## TASK TO CARRY OUT
Restate all of the entries exactly, each line as it stands.

PROVIDED DATA START

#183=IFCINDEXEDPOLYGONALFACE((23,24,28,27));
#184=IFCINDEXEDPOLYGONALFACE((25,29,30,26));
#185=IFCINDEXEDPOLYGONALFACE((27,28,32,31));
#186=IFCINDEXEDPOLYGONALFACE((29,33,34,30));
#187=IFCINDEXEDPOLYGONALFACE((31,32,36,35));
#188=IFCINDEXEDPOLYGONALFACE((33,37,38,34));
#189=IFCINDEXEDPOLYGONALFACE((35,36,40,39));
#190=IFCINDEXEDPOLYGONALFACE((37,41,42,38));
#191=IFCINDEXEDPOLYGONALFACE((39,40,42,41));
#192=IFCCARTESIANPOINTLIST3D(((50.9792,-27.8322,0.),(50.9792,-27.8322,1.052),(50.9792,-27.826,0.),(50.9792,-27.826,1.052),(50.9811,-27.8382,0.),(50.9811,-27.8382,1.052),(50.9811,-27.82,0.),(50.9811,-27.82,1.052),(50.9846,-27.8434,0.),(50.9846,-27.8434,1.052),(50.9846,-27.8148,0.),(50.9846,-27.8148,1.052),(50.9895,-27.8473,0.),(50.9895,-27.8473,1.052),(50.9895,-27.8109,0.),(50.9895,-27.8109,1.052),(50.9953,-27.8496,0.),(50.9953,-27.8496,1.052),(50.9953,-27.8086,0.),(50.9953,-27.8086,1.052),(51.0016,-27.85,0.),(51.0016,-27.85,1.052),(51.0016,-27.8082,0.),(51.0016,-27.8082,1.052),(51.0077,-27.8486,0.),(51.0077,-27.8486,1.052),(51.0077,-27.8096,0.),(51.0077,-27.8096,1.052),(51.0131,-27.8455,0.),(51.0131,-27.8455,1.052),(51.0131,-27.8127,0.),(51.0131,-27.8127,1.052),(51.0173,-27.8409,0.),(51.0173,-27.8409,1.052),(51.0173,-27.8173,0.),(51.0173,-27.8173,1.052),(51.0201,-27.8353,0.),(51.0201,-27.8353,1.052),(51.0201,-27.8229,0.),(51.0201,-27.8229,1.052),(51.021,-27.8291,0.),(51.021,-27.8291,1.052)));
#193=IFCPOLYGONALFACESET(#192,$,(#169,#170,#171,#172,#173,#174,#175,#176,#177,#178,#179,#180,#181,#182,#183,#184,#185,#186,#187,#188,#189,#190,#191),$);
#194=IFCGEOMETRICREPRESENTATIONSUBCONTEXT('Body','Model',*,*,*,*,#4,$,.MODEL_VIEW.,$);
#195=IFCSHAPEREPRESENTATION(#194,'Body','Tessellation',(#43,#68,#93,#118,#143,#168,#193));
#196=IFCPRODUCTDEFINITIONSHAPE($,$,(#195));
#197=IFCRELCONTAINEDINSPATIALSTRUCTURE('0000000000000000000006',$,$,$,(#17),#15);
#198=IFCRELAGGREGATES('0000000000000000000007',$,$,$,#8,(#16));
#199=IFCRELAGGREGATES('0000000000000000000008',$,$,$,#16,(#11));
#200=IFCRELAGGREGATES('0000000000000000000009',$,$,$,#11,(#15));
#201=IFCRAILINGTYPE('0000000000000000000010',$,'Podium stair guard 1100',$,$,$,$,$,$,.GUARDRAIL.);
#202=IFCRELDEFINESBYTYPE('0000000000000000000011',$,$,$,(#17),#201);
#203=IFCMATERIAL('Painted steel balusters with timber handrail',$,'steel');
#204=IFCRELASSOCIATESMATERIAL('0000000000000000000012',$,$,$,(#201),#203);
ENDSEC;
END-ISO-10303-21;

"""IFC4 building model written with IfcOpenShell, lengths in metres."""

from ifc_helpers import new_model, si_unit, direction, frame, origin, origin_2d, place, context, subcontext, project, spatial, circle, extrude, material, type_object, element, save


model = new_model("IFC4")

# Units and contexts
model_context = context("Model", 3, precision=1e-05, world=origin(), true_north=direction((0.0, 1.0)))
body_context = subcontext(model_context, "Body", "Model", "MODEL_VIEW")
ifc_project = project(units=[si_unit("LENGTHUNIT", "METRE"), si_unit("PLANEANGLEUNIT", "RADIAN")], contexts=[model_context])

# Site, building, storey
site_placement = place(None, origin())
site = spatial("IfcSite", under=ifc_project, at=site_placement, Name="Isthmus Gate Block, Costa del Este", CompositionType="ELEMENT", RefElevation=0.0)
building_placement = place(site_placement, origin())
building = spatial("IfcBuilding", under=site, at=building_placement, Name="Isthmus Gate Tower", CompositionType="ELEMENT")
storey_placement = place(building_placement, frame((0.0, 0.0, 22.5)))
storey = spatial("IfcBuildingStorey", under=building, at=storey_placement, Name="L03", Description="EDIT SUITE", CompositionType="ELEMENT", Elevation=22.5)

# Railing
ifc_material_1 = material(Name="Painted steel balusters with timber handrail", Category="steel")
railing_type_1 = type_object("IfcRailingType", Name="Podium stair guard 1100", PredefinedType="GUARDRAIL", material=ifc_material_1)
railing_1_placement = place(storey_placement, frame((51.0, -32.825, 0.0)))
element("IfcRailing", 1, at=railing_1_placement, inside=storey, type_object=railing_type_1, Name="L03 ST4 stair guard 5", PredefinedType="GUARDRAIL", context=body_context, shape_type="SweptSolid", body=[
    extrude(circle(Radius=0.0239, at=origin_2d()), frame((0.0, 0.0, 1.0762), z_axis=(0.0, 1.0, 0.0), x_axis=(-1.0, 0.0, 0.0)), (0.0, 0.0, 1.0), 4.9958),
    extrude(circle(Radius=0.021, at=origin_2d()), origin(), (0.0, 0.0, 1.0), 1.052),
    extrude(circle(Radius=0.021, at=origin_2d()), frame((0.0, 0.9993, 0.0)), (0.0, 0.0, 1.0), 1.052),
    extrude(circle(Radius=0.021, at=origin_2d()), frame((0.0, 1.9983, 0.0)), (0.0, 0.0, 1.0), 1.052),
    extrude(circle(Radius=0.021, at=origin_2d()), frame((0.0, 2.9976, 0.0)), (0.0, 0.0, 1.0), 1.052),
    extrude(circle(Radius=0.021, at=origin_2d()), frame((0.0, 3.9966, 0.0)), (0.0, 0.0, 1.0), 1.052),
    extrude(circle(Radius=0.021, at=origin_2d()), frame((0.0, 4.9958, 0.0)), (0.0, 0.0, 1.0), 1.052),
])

PROVIDED DATA END

## EXERCISE SOLUTION
#183=IFCINDEXEDPOLYGONALFACE((23,24,28,27));
#184=IFCINDEXEDPOLYGONALFACE((25,29,30,26));
#185=IFCINDEXEDPOLYGONALFACE((27,28,32,31));
#186=IFCINDEXEDPOLYGONALFACE((29,33,34,30));
#187=IFCINDEXEDPOLYGONALFACE((31,32,36,35));
#188=IFCINDEXEDPOLYGONALFACE((33,37,38,34));
#189=IFCINDEXEDPOLYGONALFACE((35,36,40,39));
#190=IFCINDEXEDPOLYGONALFACE((37,41,42,38));
#191=IFCINDEXEDPOLYGONALFACE((39,40,42,41));
#192=IFCCARTESIANPOINTLIST3D(((50.9792,-27.8322,0.),(50.9792,-27.8322,1.052),(50.9792,-27.826,0.),(50.9792,-27.826,1.052),(50.9811,-27.8382,0.),(50.9811,-27.8382,1.052),(50.9811,-27.82,0.),(50.9811,-27.82,1.052),(50.9846,-27.8434,0.),(50.9846,-27.8434,1.052),(50.9846,-27.8148,0.),(50.9846,-27.8148,1.052),(50.9895,-27.8473,0.),(50.9895,-27.8473,1.052),(50.9895,-27.8109,0.),(50.9895,-27.8109,1.052),(50.9953,-27.8496,0.),(50.9953,-27.8496,1.052),(50.9953,-27.8086,0.),(50.9953,-27.8086,1.052),(51.0016,-27.85,0.),(51.0016,-27.85,1.052),(51.0016,-27.8082,0.),(51.0016,-27.8082,1.052),(51.0077,-27.8486,0.),(51.0077,-27.8486,1.052),(51.0077,-27.8096,0.),(51.0077,-27.8096,1.052),(51.0131,-27.8455,0.),(51.0131,-27.8455,1.052),(51.0131,-27.8127,0.),(51.0131,-27.8127,1.052),(51.0173,-27.8409,0.),(51.0173,-27.8409,1.052),(51.0173,-27.8173,0.),(51.0173,-27.8173,1.052),(51.0201,-27.8353,0.),(51.0201,-27.8353,1.052),(51.0201,-27.8229,0.),(51.0201,-27.8229,1.052),(51.021,-27.8291,0.),(51.021,-27.8291,1.052)));
#193=IFCPOLYGONALFACESET(#192,$,(#169,#170,#171,#172,#173,#174,#175,#176,#177,#178,#179,#180,#181,#182,#183,#184,#185,#186,#187,#188,#189,#190,#191),$);
#194=IFCGEOMETRICREPRESENTATIONSUBCONTEXT('Body','Model',*,*,*,*,#4,$,.MODEL_VIEW.,$);
#195=IFCSHAPEREPRESENTATION(#194,'Body','Tessellation',(#43,#68,#93,#118,#143,#168,#193));
#196=IFCPRODUCTDEFINITIONSHAPE($,$,(#195));
#197=IFCRELCONTAINEDINSPATIALSTRUCTURE('0000000000000000000006',$,$,$,(#17),#15);
#198=IFCRELAGGREGATES('0000000000000000000007',$,$,$,#8,(#16));
#199=IFCRELAGGREGATES('0000000000000000000008',$,$,$,#16,(#11));
#200=IFCRELAGGREGATES('0000000000000000000009',$,$,$,#11,(#15));
#201=IFCRAILINGTYPE('0000000000000000000010',$,'Podium stair guard 1100',$,$,$,$,$,$,.GUARDRAIL.);
#202=IFCRELDEFINESBYTYPE('0000000000000000000011',$,$,$,(#17),#201);
#203=IFCMATERIAL('Painted steel balusters with timber handrail',$,'steel');
#204=IFCRELASSOCIATESMATERIAL('0000000000000000000012',$,$,$,(#201),#203);
ENDSEC;
END-ISO-10303-21;

"""IFC4 building model written with IfcOpenShell, lengths in metres."""

from ifc_helpers import new_model, si_unit, direction, frame, origin, origin_2d, place, context, subcontext, project, spatial, circle, extrude, material, type_object, element, save


model = new_model("IFC4")

# Units and contexts
model_context = context("Model", 3, precision=1e-05, world=origin(), true_north=direction((0.0, 1.0)))
body_context = subcontext(model_context, "Body", "Model", "MODEL_VIEW")
ifc_project = project(units=[si_unit("LENGTHUNIT", "METRE"), si_unit("PLANEANGLEUNIT", "RADIAN")], contexts=[model_context])

# Site, building, storey
site_placement = place(None, origin())
site = spatial("IfcSite", under=ifc_project, at=site_placement, Name="Isthmus Gate Block, Costa del Este", CompositionType="ELEMENT", RefElevation=0.0)
building_placement = place(site_placement, origin())
building = spatial("IfcBuilding", under=site, at=building_placement, Name="Isthmus Gate Tower", CompositionType="ELEMENT")
storey_placement = place(building_placement, frame((0.0, 0.0, 22.5)))
storey = spatial("IfcBuildingStorey", under=building, at=storey_placement, Name="L03", Description="EDIT SUITE", CompositionType="ELEMENT", Elevation=22.5)

# Railing
ifc_material_1 = material(Name="Painted steel balusters with timber handrail", Category="steel")
railing_type_1 = type_object("IfcRailingType", Name="Podium stair guard 1100", PredefinedType="GUARDRAIL", material=ifc_material_1)
railing_1_placement = place(storey_placement, frame((51.0, -32.825, 0.0)))
element("IfcRailing", 1, at=railing_1_placement, inside=storey, type_object=railing_type_1, Name="L03 ST4 stair guard 5", PredefinedType="GUARDRAIL", context=body_context, shape_type="SweptSolid", body=[
    extrude(circle(Radius=0.0239, at=origin_2d()), frame((0.0, 0.0, 1.0762), z_axis=(0.0, 1.0, 0.0), x_axis=(-1.0, 0.0, 0.0)), (0.0, 0.0, 1.0), 4.9958),
    extrude(circle(Radius=0.021, at=origin_2d()), origin(), (0.0, 0.0, 1.0), 1.052),
    extrude(circle(Radius=0.021, at=origin_2d()), frame((0.0, 0.9993, 0.0)), (0.0, 0.0, 1.0), 1.052),
    extrude(circle(Radius=0.021, at=origin_2d()), frame((0.0, 1.9983, 0.0)), (0.0, 0.0, 1.0), 1.052),
    extrude(circle(Radius=0.021, at=origin_2d()), frame((0.0, 2.9976, 0.0)), (0.0, 0.0, 1.0), 1.052),
    extrude(circle(Radius=0.021, at=origin_2d()), frame((0.0, 3.9966, 0.0)), (0.0, 0.0, 1.0), 1.052),
    extrude(circle(Radius=0.021, at=origin_2d()), frame((0.0, 4.9958, 0.0)), (0.0, 0.0, 1.0), 1.052),
])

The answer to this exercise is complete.